Below are some records; output exactly the lines from the line with "#144=IFCSHAPEREPRESENTATION(#29,'Body','Tessellation',(#143));" to the line with "#160=IFCINDEXEDPOLYGONALFACE((1,2,4,3));", both ends kept, and nothing more.

Dataset entries:
Start of Block

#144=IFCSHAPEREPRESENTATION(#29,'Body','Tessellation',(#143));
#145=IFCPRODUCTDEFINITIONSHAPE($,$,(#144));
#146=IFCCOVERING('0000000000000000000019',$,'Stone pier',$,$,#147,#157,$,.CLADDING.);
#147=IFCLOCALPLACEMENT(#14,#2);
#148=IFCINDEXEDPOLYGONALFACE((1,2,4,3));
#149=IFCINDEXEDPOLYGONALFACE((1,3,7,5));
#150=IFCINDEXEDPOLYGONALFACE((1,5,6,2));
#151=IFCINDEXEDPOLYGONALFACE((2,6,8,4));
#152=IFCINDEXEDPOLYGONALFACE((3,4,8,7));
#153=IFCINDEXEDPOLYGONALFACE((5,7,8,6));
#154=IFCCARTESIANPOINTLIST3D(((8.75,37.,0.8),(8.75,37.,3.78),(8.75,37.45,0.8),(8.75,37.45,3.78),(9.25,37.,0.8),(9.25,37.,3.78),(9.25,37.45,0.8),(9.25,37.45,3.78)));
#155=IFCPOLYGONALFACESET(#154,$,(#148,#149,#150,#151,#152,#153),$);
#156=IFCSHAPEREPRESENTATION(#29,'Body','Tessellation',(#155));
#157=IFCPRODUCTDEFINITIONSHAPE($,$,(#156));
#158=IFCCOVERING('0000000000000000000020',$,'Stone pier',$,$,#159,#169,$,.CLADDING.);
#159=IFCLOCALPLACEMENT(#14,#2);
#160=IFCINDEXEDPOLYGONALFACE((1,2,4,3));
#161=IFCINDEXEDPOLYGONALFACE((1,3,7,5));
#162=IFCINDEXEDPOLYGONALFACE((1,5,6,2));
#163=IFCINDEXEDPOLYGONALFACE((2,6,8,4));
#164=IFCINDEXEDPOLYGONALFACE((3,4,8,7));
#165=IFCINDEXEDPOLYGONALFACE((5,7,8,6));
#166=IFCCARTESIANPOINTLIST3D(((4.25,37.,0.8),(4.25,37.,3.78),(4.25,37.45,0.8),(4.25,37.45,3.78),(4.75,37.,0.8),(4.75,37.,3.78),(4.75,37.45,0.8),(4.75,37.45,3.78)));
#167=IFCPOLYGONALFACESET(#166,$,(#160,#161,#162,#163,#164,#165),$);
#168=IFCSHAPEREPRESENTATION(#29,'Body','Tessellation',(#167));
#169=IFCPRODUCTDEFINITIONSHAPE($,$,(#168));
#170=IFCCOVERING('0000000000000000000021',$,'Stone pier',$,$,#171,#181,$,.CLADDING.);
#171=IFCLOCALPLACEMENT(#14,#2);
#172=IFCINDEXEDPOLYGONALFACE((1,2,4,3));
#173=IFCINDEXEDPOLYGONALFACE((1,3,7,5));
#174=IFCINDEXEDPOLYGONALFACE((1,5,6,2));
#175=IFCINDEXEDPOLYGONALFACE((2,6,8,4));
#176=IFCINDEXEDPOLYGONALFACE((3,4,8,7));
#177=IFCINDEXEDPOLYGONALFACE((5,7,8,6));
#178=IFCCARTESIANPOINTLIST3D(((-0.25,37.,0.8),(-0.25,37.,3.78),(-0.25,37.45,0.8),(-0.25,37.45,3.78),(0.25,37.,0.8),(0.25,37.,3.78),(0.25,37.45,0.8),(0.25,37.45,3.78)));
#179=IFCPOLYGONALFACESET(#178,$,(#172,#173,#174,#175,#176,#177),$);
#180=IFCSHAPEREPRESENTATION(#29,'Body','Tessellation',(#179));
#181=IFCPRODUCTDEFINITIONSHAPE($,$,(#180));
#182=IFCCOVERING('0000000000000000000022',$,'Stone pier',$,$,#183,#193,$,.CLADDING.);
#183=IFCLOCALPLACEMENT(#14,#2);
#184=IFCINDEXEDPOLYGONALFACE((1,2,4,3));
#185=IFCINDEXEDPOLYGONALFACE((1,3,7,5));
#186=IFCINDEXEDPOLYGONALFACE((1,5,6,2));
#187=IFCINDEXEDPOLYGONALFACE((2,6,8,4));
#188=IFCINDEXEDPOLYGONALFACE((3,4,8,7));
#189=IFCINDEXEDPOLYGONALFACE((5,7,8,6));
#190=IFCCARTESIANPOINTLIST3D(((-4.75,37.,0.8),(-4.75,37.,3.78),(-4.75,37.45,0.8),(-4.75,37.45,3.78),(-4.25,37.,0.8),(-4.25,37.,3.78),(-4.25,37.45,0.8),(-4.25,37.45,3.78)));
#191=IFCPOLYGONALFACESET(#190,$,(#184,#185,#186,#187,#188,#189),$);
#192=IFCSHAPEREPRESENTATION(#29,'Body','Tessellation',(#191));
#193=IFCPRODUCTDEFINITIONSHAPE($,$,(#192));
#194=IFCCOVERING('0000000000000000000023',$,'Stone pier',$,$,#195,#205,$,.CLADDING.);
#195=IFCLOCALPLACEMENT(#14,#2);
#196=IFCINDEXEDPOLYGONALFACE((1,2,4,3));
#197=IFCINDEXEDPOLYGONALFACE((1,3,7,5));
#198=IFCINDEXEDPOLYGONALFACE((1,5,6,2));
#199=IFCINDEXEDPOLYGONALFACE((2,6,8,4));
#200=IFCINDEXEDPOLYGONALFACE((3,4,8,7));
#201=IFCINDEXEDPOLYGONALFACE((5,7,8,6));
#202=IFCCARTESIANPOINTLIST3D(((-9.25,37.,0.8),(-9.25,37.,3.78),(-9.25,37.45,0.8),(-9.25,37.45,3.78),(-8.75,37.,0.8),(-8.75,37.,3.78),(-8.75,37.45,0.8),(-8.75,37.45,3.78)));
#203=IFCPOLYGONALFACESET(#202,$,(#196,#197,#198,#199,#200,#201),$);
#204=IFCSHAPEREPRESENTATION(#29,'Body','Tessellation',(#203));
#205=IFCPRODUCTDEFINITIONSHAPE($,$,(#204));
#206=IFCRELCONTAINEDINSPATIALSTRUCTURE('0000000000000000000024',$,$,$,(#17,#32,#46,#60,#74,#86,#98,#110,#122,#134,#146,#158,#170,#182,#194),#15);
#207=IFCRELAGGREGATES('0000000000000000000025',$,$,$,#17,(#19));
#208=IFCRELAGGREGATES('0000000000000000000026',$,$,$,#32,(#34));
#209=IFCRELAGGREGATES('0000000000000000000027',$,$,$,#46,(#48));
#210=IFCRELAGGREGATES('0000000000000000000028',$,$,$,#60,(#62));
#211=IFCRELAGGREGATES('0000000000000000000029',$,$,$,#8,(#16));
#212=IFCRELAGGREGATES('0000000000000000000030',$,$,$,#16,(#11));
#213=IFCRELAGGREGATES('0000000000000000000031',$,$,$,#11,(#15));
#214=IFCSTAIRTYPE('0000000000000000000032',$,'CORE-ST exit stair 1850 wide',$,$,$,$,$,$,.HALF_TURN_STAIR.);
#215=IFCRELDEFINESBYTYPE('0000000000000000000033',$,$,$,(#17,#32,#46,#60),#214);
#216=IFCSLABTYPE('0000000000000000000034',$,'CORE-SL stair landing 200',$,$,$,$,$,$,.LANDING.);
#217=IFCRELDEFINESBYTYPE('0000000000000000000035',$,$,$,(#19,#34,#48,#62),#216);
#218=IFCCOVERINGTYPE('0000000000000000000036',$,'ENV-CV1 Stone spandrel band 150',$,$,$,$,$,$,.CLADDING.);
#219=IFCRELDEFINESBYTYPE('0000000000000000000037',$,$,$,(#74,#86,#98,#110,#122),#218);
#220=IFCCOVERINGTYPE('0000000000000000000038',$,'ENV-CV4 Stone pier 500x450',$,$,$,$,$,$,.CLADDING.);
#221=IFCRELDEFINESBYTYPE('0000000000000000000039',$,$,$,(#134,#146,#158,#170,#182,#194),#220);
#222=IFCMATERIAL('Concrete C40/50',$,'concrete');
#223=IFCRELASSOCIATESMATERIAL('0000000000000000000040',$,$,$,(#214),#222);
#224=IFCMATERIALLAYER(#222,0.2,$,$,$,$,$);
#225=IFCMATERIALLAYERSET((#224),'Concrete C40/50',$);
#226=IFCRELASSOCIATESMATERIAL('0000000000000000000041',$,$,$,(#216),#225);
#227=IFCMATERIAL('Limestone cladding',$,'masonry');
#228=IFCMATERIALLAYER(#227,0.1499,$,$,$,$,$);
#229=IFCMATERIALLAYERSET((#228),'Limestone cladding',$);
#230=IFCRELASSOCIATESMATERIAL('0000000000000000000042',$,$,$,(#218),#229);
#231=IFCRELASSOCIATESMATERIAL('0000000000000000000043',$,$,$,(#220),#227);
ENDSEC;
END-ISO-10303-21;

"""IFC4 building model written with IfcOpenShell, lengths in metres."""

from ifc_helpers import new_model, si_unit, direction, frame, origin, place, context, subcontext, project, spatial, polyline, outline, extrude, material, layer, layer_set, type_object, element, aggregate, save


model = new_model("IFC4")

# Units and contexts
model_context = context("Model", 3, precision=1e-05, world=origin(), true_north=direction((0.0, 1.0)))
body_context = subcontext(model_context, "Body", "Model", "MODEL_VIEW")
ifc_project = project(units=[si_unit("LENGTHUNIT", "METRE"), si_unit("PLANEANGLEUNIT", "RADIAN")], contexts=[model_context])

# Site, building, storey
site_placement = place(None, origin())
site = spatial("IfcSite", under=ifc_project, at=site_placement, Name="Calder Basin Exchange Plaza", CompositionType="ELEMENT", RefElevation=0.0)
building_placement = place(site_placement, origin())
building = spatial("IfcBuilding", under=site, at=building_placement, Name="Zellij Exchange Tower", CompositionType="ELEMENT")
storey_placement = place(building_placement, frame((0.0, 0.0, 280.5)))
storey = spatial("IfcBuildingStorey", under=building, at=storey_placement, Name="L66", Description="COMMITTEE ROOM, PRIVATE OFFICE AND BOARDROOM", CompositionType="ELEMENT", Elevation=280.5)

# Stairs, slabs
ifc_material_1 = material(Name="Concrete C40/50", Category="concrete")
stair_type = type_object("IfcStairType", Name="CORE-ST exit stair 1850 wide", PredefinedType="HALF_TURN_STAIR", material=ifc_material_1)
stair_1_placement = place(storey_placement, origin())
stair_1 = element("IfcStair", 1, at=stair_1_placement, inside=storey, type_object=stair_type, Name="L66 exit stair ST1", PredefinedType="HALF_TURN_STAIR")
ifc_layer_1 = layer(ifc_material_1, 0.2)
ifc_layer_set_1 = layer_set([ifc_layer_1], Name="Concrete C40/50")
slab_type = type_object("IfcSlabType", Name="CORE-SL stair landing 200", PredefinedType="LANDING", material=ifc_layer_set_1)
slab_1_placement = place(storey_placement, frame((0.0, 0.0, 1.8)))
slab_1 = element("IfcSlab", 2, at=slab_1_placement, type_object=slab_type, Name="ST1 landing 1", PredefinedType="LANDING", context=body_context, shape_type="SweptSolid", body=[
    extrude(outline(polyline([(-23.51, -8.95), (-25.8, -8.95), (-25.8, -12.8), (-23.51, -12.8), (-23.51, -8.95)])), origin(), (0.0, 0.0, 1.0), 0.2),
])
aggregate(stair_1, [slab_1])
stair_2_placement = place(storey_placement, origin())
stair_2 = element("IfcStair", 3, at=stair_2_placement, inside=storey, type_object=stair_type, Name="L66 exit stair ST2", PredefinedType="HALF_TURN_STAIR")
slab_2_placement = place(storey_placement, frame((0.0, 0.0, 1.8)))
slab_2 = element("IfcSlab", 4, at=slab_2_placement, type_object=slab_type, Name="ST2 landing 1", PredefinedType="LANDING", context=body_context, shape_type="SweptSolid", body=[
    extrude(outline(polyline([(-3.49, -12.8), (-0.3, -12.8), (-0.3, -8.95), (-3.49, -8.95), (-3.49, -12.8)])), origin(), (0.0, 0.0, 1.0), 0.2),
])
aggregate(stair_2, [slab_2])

End of Block
Start of Block

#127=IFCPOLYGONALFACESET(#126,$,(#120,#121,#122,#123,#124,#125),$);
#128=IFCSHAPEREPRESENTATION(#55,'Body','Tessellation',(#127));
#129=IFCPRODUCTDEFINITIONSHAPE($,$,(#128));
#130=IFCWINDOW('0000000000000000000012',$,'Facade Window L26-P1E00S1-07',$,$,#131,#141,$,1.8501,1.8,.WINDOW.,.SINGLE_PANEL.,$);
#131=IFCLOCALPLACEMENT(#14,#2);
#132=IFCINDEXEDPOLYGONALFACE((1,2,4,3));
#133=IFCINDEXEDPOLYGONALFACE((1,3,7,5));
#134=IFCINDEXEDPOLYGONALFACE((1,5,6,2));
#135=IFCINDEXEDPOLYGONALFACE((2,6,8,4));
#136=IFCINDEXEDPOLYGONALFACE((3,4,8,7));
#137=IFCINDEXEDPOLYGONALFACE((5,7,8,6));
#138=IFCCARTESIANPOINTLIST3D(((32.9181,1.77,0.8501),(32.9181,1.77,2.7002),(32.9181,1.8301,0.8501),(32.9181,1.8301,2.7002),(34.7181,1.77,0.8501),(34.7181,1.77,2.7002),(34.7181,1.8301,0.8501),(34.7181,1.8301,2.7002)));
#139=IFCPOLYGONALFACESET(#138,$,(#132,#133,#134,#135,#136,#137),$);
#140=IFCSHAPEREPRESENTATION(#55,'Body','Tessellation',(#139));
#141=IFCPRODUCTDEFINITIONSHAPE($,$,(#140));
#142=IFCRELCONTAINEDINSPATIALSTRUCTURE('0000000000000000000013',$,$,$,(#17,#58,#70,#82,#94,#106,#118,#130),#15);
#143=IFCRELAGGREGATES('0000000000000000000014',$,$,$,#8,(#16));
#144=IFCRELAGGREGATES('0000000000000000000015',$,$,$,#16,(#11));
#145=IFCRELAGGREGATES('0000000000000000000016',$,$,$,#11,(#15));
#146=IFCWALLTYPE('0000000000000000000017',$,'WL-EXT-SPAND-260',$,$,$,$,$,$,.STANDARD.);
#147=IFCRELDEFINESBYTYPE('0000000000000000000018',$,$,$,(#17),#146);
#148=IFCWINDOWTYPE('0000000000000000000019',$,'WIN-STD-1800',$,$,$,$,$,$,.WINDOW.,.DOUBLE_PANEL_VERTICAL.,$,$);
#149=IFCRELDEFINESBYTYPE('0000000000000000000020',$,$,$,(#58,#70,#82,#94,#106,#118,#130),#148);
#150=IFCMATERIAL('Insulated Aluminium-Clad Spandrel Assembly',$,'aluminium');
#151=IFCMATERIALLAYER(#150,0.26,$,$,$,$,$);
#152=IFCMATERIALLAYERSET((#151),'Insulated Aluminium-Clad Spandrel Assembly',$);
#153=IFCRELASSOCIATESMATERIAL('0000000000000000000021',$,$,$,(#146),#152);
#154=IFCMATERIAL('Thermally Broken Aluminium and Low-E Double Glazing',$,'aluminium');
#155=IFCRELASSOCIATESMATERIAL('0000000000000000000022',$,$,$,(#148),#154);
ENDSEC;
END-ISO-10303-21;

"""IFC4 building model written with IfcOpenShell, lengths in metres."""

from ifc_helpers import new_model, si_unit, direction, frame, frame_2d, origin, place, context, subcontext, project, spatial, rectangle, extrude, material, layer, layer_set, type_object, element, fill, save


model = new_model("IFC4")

End of Block

> _Your response_
#144=IFCSHAPEREPRESENTATION(#29,'Body','Tessellation',(#143));
#145=IFCPRODUCTDEFINITIONSHAPE($,$,(#144));
#146=IFCCOVERING('0000000000000000000019',$,'Stone pier',$,$,#147,#157,$,.CLADDING.);
#147=IFCLOCALPLACEMENT(#14,#2);
#148=IFCINDEXEDPOLYGONALFACE((1,2,4,3));
#149=IFCINDEXEDPOLYGONALFACE((1,3,7,5));
#150=IFCINDEXEDPOLYGONALFACE((1,5,6,2));
#151=IFCINDEXEDPOLYGONALFACE((2,6,8,4));
#152=IFCINDEXEDPOLYGONALFACE((3,4,8,7));
#153=IFCINDEXEDPOLYGONALFACE((5,7,8,6));
#154=IFCCARTESIANPOINTLIST3D(((8.75,37.,0.8),(8.75,37.,3.78),(8.75,37.45,0.8),(8.75,37.45,3.78),(9.25,37.,0.8),(9.25,37.,3.78),(9.25,37.45,0.8),(9.25,37.45,3.78)));
#155=IFCPOLYGONALFACESET(#154,$,(#148,#149,#150,#151,#152,#153),$);
#156=IFCSHAPEREPRESENTATION(#29,'Body','Tessellation',(#155));
#157=IFCPRODUCTDEFINITIONSHAPE($,$,(#156));
#158=IFCCOVERING('0000000000000000000020',$,'Stone pier',$,$,#159,#169,$,.CLADDING.);
#159=IFCLOCALPLACEMENT(#14,#2);
#160=IFCINDEXEDPOLYGONALFACE((1,2,4,3));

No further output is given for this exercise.